WHAT YOU ARE ASKED TO DO.
Can you copy the lines from the one that contains "frame((0.0, 0.0, 57.3999)))" through the end of the material below, exactly and with nothing else?
*** Opening of MATERIAL PROVIDED ***
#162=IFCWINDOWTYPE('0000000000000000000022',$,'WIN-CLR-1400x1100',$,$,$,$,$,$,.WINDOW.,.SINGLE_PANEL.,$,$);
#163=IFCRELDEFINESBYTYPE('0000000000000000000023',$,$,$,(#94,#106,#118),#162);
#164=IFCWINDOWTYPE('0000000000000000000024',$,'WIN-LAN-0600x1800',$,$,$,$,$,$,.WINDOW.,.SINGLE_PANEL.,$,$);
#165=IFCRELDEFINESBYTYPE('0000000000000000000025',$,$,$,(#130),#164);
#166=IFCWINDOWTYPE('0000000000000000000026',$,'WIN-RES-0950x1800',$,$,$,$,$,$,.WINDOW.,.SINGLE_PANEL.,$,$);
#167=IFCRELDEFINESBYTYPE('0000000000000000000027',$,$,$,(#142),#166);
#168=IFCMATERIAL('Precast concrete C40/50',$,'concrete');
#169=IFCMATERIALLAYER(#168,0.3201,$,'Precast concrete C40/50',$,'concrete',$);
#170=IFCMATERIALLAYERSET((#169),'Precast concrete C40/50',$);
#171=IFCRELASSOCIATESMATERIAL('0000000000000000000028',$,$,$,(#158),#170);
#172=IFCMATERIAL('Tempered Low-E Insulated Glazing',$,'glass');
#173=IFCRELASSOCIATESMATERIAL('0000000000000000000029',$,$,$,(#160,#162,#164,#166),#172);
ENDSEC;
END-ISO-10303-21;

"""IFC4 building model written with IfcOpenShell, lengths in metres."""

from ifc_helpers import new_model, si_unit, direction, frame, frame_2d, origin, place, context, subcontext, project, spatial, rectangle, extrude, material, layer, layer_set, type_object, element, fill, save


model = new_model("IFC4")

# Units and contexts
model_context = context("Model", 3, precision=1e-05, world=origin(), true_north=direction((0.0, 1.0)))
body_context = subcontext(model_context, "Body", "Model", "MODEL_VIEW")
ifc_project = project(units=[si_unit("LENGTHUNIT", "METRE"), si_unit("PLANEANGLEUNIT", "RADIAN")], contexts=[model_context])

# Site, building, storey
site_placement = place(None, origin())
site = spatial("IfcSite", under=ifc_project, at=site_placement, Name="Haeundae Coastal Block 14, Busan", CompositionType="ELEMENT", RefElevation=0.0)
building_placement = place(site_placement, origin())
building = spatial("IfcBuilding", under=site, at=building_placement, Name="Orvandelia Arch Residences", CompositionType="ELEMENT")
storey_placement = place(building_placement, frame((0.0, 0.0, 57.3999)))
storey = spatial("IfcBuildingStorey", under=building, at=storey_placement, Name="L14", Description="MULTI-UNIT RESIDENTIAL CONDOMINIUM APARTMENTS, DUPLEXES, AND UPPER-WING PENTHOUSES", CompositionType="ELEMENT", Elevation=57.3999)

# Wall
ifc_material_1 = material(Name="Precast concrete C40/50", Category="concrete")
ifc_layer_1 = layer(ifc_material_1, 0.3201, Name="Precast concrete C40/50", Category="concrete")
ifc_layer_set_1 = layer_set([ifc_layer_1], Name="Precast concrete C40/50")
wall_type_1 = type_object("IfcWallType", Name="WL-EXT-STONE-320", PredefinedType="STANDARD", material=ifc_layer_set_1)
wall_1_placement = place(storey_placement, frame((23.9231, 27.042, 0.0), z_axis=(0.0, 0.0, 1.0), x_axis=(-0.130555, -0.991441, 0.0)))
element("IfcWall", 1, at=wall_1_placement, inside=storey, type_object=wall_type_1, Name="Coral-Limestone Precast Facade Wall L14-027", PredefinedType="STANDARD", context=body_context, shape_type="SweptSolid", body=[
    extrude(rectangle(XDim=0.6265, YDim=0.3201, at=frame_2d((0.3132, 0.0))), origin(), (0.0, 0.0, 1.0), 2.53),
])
*** Close of MATERIAL PROVIDED ***
SOLUTION BELOW.
storey_placement = place(building_placement, frame((0.0, 0.0, 57.3999)))
storey = spatial("IfcBuildingStorey", under=building, at=storey_placement, Name="L14", Description="MULTI-UNIT RESIDENTIAL CONDOMINIUM APARTMENTS, DUPLEXES, AND UPPER-WING PENTHOUSES", CompositionType="ELEMENT", Elevation=57.3999)

# Wall
ifc_material_1 = material(Name="Precast concrete C40/50", Category="concrete")
ifc_layer_1 = layer(ifc_material_1, 0.3201, Name="Precast concrete C40/50", Category="concrete")
ifc_layer_set_1 = layer_set([ifc_layer_1], Name="Precast concrete C40/50")
wall_type_1 = type_object("IfcWallType", Name="WL-EXT-STONE-320", PredefinedType="STANDARD", material=ifc_layer_set_1)
wall_1_placement = place(storey_placement, frame((23.9231, 27.042, 0.0), z_axis=(0.0, 0.0, 1.0), x_axis=(-0.130555, -0.991441, 0.0)))
element("IfcWall", 1, at=wall_1_placement, inside=storey, type_object=wall_type_1, Name="Coral-Limestone Precast Facade Wall L14-027", PredefinedType="STANDARD", context=body_context, shape_type="SweptSolid", body=[
    extrude(rectangle(XDim=0.6265, YDim=0.3201, at=frame_2d((0.3132, 0.0))), origin(), (0.0, 0.0, 1.0), 2.53),
])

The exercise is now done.